Records excerpted from a collection
★ ★ ★ ★ ★ ★ ★
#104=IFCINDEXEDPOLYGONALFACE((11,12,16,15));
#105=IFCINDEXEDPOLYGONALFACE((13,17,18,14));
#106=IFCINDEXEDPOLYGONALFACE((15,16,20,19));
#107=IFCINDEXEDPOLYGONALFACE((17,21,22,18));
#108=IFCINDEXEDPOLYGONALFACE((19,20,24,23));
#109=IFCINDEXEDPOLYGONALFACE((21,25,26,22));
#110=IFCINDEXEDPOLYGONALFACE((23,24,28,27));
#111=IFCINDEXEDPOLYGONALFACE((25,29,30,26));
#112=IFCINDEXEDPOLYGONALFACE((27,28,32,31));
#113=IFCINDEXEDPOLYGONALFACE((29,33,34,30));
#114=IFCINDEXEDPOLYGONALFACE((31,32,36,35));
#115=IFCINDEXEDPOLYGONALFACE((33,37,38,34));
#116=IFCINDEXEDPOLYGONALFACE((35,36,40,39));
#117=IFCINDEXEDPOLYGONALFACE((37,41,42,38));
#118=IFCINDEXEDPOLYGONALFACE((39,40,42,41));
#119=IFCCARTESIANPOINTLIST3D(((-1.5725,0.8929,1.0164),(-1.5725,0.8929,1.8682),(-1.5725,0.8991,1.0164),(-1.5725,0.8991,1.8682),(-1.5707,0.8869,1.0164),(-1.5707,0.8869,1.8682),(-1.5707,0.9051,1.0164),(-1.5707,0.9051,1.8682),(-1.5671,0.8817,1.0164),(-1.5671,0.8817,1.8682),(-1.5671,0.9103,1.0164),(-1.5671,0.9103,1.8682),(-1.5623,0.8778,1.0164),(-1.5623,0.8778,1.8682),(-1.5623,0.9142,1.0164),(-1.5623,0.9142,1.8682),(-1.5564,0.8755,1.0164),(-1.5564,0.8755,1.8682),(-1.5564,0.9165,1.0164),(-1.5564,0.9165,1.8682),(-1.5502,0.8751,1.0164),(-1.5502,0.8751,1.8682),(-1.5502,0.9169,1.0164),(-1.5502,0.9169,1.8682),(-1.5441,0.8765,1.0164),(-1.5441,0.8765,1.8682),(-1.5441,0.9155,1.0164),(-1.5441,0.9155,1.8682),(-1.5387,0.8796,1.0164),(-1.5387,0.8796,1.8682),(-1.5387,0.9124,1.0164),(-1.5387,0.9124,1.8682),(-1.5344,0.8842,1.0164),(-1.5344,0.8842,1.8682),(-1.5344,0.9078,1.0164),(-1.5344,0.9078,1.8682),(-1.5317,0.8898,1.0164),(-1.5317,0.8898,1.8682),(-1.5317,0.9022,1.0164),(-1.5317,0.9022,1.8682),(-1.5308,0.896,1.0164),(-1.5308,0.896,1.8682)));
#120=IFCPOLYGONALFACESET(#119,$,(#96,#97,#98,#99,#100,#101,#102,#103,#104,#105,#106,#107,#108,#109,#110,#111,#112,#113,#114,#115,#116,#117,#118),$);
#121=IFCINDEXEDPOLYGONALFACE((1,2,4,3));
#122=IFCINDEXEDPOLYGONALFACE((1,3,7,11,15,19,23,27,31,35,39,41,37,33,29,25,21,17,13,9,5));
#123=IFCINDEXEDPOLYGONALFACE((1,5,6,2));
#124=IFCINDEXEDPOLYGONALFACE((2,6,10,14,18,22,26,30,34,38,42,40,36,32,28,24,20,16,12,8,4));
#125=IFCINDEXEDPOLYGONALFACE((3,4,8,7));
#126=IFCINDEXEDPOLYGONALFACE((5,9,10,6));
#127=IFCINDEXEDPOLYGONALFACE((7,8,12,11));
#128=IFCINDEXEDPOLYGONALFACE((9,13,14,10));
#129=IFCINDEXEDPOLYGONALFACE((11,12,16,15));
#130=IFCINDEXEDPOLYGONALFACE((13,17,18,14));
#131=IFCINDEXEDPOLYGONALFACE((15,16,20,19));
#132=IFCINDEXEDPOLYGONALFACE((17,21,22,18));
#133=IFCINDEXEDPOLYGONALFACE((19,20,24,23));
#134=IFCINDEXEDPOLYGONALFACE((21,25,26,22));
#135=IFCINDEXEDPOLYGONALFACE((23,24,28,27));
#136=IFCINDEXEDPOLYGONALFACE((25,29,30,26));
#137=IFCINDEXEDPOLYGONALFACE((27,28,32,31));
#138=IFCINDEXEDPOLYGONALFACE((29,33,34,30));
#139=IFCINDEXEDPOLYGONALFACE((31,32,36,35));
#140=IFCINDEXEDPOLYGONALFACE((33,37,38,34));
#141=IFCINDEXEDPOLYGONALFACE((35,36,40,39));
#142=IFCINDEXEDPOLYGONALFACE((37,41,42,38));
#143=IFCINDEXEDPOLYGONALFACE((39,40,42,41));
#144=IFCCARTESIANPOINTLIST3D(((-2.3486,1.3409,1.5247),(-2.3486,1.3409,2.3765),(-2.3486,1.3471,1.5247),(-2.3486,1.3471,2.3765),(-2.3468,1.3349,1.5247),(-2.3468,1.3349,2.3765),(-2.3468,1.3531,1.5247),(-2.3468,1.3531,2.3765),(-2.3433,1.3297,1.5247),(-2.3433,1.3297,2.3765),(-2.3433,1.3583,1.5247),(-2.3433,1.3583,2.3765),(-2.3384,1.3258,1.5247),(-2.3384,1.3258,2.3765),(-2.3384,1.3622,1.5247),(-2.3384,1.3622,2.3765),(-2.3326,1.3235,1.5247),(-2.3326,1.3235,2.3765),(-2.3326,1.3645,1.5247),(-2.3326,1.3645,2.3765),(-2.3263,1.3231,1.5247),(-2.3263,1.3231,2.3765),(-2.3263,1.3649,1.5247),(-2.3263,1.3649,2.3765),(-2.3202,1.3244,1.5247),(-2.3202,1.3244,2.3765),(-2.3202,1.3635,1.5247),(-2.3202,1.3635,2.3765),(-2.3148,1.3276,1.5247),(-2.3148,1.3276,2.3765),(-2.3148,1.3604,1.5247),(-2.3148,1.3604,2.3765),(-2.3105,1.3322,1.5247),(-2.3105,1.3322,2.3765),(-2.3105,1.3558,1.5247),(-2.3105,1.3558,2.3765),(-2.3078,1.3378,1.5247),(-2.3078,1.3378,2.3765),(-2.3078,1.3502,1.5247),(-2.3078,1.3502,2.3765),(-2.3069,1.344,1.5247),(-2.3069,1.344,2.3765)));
★ ★ ★ ★ ★ ★ ★
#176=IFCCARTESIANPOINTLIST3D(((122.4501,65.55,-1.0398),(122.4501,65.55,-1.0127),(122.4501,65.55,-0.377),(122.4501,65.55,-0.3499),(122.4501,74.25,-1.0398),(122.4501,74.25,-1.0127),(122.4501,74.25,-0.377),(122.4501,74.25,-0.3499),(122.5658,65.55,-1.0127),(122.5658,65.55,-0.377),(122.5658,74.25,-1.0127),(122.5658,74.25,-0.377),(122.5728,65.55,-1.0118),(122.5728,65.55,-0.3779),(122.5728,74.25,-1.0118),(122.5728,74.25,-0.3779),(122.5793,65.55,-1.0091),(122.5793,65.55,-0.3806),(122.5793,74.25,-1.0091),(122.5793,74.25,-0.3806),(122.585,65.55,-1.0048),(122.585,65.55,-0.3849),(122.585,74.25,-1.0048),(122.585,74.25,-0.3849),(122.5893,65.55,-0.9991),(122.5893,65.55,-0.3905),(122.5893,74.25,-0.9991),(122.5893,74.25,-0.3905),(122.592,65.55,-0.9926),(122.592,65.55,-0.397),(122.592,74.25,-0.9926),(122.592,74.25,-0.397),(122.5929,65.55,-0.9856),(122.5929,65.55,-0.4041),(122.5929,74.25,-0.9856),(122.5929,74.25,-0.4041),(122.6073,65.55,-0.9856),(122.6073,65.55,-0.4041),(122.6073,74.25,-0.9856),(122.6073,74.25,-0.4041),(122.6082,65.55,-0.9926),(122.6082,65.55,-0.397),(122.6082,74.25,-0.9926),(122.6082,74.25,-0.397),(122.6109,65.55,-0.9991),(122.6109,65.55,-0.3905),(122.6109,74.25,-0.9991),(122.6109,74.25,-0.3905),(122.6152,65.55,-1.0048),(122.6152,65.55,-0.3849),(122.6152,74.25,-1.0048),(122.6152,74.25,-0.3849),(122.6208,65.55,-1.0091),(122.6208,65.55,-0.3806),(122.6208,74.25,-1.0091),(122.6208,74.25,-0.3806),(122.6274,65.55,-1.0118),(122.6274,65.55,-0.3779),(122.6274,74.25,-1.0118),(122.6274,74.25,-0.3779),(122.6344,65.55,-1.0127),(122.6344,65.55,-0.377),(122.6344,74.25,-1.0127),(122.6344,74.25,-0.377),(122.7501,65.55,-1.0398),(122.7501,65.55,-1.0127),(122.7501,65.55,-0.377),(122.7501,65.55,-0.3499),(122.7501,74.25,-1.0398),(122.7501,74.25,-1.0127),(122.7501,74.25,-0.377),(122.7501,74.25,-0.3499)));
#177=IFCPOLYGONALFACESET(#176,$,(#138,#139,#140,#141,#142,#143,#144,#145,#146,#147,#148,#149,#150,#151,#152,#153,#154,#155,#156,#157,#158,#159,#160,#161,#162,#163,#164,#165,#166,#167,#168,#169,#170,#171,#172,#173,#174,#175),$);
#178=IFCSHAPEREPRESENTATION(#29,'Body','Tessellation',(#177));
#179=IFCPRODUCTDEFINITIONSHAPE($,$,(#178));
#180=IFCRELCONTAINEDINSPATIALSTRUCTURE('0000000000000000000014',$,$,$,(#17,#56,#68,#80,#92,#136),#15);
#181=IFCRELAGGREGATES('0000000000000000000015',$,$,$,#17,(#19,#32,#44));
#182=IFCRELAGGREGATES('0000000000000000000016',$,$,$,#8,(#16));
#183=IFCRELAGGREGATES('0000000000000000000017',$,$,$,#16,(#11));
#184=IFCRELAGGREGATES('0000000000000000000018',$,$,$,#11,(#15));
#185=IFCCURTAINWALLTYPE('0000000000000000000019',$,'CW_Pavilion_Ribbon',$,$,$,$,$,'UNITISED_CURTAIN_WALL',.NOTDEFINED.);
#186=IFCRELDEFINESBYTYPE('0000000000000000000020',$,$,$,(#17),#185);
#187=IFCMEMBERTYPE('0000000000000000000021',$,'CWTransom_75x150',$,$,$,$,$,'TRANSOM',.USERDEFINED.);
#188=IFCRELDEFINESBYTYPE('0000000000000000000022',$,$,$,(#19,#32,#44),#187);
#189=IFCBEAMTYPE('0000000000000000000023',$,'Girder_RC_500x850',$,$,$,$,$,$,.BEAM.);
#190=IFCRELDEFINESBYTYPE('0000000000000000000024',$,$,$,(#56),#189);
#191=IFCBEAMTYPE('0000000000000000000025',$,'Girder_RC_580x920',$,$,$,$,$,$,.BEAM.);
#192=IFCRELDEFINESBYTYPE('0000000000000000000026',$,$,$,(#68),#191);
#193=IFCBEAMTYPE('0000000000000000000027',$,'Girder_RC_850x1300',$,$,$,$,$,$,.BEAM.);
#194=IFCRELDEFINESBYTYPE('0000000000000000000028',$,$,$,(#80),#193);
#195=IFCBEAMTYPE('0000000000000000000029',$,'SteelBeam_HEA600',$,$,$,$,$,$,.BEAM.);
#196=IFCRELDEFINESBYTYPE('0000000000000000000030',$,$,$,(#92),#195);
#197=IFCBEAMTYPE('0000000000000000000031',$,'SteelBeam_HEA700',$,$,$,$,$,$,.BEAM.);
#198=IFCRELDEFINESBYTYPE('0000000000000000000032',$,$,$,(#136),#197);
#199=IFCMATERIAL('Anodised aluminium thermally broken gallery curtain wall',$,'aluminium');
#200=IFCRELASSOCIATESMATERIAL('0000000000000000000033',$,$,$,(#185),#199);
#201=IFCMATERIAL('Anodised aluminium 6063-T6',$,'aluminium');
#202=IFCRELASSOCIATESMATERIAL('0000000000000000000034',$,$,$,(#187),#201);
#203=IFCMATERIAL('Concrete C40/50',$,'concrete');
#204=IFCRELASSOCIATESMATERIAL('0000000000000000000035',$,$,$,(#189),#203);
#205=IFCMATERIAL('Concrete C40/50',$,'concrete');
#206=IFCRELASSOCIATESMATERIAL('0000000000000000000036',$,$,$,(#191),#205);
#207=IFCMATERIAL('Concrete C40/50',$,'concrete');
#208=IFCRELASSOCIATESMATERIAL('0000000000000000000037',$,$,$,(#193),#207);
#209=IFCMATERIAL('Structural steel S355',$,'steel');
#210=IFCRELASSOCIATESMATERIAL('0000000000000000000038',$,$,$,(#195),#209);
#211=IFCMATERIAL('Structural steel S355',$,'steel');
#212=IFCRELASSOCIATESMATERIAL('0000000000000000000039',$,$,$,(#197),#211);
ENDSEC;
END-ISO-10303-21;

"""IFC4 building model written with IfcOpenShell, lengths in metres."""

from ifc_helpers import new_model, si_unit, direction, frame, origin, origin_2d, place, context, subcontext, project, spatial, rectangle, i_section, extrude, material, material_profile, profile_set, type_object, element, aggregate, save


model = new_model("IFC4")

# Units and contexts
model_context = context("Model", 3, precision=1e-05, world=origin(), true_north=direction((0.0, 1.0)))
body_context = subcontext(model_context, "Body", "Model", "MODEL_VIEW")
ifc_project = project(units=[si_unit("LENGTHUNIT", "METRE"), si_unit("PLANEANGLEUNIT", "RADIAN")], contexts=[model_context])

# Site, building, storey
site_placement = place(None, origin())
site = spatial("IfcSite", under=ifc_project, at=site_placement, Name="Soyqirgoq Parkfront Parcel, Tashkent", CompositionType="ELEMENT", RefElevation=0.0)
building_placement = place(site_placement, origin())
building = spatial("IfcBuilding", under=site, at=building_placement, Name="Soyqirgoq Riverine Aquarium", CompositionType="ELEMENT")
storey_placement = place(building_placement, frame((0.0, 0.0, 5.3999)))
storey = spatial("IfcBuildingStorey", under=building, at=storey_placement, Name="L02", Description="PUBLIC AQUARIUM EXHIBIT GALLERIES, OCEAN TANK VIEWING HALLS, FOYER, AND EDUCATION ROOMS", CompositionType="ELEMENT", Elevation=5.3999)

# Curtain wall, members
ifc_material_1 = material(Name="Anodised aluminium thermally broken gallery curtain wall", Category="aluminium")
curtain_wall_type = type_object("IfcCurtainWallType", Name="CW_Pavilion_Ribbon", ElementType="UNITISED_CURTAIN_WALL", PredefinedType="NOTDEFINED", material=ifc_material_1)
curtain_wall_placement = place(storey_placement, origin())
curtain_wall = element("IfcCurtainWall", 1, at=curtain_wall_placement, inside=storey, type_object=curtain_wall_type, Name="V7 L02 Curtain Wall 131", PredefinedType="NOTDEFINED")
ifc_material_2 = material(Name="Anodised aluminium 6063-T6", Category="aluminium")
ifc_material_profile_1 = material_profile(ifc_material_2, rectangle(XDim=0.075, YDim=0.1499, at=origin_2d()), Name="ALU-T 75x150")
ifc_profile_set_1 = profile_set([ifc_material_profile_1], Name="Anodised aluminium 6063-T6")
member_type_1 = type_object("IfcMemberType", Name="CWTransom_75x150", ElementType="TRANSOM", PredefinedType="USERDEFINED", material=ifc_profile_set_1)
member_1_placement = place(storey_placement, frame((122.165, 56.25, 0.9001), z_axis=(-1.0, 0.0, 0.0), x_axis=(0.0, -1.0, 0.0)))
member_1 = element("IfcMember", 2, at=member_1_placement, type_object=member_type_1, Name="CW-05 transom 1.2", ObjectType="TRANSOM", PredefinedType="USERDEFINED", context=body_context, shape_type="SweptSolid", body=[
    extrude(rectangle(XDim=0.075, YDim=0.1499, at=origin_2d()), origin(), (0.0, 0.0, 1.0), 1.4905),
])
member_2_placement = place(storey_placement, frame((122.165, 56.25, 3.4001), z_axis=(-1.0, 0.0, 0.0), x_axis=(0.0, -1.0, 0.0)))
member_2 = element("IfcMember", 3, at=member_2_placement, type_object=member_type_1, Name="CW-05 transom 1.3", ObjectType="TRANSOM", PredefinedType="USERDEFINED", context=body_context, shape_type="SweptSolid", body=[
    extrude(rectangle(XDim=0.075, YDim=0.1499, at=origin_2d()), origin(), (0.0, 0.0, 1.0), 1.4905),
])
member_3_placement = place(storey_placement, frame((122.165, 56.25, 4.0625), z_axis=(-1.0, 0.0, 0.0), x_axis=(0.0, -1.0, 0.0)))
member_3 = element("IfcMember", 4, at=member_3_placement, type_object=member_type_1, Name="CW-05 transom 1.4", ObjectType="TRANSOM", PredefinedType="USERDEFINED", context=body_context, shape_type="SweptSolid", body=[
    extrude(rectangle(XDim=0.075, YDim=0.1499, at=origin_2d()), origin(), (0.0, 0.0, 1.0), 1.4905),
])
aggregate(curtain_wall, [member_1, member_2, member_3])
★ ★ ★ ★ ★ ★ ★
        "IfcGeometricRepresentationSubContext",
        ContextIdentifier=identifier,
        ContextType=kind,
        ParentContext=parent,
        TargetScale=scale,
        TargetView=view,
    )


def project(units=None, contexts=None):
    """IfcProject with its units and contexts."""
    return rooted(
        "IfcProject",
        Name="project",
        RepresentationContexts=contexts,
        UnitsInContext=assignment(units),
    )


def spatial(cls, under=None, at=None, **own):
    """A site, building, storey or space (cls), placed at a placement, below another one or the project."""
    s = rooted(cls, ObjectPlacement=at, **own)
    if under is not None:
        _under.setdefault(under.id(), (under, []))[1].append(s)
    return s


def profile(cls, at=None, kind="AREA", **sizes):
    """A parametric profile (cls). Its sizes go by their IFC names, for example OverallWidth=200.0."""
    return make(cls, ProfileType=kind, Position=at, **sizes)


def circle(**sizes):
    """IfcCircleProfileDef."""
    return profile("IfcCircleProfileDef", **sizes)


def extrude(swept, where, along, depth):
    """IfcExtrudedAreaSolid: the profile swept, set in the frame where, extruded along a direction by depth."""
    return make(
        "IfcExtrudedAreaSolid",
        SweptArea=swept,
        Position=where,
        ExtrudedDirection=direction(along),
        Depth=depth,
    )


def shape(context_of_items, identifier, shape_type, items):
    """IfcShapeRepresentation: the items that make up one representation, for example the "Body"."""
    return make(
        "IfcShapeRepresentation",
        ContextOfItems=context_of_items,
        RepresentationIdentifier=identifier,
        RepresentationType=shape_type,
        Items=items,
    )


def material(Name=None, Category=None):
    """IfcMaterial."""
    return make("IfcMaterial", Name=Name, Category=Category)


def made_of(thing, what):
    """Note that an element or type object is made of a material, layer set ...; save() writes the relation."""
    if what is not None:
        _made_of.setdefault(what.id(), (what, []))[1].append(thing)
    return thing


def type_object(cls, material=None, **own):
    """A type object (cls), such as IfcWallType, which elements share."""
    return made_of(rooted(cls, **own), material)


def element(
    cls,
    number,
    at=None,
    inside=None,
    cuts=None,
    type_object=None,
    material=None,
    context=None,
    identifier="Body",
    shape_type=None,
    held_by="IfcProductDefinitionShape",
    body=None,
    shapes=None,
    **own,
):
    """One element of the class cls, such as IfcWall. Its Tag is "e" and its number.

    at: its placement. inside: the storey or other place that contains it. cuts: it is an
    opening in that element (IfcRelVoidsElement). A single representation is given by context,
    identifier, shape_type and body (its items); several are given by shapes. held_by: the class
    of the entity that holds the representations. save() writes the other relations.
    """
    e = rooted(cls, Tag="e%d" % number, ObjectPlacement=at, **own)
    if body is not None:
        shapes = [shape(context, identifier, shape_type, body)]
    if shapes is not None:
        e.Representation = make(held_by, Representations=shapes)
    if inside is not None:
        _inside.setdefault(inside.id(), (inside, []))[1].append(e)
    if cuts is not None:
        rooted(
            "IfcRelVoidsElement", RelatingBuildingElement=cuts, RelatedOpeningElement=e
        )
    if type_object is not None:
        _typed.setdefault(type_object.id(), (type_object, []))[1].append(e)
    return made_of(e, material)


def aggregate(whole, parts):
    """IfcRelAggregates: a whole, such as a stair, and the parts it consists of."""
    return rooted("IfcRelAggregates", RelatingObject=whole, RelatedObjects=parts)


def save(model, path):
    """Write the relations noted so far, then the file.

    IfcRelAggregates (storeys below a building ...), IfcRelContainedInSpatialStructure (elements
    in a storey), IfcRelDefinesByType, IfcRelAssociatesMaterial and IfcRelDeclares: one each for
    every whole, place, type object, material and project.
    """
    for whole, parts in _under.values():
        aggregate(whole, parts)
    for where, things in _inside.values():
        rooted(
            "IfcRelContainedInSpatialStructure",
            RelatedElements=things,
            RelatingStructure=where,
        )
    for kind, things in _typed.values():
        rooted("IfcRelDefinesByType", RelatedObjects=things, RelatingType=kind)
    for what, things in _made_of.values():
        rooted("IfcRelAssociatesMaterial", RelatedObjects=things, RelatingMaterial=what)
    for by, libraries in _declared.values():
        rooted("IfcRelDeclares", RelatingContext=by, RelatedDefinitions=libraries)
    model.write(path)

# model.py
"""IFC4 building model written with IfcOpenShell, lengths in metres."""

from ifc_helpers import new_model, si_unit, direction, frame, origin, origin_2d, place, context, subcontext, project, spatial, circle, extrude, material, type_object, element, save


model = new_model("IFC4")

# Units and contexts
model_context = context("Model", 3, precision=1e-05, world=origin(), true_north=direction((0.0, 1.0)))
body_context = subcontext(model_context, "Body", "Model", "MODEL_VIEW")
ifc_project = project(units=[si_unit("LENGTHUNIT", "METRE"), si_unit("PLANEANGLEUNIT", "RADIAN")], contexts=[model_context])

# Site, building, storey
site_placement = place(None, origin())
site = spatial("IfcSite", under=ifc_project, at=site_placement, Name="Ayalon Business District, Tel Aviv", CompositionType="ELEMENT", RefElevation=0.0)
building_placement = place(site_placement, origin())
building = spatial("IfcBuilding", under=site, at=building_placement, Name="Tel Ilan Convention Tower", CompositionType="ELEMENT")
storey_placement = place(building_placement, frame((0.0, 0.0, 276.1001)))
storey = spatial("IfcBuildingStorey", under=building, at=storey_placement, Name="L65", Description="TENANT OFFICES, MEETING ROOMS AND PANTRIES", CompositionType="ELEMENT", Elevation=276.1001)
★ ★ ★ ★ ★ ★ ★
Every line above that includes the word "values" must appear in the answer.

> **REPLY TO THE EXERCISE**
    for whole, parts in _under.values():
    for where, things in _inside.values():
    for kind, things in _typed.values():
    for what, things in _made_of.values():
    for by, libraries in _declared.values():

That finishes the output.